Source data
□ □ □
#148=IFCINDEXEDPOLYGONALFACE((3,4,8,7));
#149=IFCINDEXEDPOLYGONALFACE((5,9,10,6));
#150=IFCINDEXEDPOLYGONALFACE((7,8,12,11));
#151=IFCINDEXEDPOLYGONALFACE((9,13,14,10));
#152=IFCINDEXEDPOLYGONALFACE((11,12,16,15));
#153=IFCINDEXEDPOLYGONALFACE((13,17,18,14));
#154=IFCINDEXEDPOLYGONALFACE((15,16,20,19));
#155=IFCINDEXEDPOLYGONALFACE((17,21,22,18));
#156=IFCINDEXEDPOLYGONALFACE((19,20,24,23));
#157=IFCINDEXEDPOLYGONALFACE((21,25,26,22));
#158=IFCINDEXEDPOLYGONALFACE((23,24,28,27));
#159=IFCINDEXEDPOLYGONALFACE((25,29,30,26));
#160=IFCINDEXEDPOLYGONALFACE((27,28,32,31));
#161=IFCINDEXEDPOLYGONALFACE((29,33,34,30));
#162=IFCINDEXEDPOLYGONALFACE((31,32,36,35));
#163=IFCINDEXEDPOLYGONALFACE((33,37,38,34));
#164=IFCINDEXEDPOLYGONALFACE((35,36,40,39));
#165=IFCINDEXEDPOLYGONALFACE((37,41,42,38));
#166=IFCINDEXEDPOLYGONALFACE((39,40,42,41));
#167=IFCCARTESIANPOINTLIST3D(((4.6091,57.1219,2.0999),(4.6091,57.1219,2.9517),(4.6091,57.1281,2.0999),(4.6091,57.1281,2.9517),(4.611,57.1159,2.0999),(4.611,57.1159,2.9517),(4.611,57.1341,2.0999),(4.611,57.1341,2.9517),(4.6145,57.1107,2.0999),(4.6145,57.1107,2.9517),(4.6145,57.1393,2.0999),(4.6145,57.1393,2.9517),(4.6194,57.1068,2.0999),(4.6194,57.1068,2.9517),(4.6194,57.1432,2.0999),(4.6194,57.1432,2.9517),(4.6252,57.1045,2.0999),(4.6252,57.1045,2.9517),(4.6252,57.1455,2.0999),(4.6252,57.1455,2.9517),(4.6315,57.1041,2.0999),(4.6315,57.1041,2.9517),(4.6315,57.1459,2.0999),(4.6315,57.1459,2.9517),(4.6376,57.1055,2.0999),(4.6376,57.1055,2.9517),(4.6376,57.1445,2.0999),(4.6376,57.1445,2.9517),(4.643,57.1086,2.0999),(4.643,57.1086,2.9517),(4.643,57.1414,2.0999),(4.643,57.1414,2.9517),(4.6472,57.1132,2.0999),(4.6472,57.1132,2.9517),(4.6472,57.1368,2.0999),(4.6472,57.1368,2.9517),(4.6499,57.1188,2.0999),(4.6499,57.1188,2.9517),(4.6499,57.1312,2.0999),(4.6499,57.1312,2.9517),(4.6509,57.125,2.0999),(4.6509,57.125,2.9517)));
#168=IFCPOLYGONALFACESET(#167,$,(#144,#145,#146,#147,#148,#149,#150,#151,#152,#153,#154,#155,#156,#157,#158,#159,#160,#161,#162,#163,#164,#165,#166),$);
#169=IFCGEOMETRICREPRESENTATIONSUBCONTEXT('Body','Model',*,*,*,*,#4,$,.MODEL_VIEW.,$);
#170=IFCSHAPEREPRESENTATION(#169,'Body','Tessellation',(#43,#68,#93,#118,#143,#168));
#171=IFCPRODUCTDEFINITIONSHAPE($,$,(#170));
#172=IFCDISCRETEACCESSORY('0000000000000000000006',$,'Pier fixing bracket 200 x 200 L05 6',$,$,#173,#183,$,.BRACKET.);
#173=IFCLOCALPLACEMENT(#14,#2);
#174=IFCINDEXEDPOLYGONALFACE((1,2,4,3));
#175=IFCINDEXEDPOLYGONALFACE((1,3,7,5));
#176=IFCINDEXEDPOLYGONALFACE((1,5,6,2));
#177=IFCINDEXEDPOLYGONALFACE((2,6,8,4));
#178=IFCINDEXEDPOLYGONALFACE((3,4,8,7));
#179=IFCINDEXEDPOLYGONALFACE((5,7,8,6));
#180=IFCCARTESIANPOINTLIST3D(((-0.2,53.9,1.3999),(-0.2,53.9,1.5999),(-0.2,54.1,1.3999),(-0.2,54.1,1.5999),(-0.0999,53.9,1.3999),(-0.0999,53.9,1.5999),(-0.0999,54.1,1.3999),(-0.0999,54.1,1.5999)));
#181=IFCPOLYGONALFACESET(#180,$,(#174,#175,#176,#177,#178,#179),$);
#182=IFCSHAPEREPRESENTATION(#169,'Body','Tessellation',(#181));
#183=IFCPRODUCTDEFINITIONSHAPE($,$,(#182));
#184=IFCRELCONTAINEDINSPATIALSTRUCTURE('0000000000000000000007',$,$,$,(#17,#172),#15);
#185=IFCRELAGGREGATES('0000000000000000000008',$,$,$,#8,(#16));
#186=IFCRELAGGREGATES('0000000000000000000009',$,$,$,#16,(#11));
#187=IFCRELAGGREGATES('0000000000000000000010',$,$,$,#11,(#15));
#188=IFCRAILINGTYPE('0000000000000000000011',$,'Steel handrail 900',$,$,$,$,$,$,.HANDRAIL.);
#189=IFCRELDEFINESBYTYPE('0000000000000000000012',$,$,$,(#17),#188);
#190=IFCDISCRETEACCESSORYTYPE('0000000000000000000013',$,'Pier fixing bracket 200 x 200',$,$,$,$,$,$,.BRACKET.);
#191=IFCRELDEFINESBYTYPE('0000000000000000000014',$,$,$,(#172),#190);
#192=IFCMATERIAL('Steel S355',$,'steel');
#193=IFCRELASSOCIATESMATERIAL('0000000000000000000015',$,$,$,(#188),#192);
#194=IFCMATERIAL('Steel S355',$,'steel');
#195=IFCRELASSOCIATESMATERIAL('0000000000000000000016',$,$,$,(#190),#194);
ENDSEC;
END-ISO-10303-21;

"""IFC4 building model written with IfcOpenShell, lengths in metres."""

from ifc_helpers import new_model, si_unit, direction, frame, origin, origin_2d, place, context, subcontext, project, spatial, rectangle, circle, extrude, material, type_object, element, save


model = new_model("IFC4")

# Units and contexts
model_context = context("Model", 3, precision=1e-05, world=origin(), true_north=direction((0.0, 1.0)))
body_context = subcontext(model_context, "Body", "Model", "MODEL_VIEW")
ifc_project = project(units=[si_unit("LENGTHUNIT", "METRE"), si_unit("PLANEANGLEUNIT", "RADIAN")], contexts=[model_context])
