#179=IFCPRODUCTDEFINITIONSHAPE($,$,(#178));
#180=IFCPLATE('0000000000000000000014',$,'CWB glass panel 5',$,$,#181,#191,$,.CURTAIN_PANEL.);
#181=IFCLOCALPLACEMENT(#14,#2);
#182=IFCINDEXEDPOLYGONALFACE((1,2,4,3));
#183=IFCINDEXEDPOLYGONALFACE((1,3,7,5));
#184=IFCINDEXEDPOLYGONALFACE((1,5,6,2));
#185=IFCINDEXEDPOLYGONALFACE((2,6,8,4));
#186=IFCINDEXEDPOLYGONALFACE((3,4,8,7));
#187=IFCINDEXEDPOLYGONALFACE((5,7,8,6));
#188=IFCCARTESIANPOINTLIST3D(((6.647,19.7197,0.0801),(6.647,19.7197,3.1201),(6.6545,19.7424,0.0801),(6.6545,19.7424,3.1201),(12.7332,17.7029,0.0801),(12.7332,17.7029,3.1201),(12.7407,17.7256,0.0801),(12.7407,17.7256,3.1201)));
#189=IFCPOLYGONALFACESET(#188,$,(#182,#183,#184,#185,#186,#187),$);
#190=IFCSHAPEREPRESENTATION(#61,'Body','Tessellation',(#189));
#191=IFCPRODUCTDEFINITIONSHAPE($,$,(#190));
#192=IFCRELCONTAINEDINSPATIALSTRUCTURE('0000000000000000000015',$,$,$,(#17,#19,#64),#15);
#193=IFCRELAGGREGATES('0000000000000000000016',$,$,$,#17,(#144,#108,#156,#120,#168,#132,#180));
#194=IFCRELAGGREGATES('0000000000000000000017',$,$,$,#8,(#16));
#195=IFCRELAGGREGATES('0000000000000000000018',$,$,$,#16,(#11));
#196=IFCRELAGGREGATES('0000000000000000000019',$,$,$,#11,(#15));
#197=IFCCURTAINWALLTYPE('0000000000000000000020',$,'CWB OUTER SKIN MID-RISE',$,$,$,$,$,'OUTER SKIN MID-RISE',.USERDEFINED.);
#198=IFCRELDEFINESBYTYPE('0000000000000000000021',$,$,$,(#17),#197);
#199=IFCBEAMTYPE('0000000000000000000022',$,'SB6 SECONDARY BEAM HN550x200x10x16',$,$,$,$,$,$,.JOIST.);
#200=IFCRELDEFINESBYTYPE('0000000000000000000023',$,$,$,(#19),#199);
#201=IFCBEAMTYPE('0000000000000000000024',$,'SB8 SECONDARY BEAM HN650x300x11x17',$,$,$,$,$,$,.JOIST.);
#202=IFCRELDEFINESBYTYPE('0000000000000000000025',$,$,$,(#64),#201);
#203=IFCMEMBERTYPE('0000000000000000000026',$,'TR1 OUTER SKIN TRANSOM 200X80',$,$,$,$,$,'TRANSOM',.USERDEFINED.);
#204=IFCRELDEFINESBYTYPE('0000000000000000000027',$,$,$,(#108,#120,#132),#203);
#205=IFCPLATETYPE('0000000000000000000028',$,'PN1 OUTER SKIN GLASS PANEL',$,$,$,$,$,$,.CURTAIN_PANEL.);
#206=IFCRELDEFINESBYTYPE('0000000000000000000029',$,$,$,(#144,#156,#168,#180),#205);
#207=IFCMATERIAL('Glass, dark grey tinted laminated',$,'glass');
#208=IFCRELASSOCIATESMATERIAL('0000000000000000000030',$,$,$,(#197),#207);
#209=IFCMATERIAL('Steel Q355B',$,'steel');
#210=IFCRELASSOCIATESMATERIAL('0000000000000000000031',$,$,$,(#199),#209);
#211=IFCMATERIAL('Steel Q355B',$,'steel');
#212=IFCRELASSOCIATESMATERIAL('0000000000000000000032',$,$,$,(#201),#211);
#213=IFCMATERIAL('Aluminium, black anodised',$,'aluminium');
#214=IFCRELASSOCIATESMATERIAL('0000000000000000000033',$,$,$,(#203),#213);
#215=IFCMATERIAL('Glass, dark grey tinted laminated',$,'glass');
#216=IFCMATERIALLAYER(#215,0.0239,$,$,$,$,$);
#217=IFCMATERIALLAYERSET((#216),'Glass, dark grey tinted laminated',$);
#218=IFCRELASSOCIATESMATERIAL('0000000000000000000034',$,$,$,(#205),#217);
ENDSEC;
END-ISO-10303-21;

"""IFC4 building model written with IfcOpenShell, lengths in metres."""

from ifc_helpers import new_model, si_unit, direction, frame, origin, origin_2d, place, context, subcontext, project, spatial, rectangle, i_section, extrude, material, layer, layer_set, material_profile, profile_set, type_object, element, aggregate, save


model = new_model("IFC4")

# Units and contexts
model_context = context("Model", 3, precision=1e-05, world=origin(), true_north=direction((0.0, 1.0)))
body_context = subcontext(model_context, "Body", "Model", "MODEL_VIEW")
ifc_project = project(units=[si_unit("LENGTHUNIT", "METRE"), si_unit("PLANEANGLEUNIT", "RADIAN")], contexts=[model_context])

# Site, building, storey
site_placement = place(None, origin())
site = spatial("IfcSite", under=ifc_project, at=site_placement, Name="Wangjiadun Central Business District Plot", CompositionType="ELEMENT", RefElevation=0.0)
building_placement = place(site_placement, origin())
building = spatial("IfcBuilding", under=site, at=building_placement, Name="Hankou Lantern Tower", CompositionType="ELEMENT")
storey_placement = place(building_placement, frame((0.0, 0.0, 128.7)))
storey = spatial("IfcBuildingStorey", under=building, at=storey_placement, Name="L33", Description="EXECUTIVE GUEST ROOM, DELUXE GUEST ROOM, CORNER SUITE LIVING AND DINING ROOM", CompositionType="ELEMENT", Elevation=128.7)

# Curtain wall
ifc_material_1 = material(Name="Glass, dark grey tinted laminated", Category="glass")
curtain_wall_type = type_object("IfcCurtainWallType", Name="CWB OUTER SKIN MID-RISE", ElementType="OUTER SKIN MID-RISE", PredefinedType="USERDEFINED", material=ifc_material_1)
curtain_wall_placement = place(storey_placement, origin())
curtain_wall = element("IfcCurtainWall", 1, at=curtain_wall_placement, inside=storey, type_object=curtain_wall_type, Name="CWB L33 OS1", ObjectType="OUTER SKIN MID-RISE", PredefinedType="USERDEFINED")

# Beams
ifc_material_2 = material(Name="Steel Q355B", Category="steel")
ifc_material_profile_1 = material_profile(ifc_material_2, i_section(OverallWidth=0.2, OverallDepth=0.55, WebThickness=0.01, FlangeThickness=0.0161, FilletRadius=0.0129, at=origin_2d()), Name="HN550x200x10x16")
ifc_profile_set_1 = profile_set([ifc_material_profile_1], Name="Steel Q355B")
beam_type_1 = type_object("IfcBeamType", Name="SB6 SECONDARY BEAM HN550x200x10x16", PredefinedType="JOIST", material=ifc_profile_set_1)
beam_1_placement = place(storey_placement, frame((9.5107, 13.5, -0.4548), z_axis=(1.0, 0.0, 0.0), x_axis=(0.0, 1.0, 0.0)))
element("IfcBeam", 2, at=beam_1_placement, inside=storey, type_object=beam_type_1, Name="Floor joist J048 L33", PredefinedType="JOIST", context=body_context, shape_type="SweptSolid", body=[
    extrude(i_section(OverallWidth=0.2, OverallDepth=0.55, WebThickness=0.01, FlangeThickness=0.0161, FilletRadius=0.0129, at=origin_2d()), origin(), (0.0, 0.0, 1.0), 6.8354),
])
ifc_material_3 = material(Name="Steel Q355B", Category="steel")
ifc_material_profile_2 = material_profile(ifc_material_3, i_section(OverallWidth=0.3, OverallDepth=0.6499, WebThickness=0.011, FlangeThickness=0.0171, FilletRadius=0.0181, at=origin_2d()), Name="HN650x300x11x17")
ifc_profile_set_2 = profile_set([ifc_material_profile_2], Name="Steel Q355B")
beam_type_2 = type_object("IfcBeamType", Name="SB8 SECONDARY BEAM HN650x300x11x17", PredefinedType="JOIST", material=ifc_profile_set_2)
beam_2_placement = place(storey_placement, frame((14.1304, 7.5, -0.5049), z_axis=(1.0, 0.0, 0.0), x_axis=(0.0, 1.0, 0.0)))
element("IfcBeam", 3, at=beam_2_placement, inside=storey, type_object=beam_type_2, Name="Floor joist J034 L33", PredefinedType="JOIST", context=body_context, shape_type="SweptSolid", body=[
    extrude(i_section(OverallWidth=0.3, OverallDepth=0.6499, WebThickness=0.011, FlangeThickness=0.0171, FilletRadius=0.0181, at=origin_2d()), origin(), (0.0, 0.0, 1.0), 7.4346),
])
□ □ □
What you need to do -> What you return should be exactly the lines above, starting at the one with "site_placement = place(None, origin())" and ending at the one with "frame((0.0, 0.0, 128.7)))", and nothing else.

Task result ->
site_placement = place(None, origin())
site = spatial("IfcSite", under=ifc_project, at=site_placement, Name="Wangjiadun Central Business District Plot", CompositionType="ELEMENT", RefElevation=0.0)
building_placement = place(site_placement, origin())
building = spatial("IfcBuilding", under=site, at=building_placement, Name="Hankou Lantern Tower", CompositionType="ELEMENT")
storey_placement = place(building_placement, frame((0.0, 0.0, 128.7)))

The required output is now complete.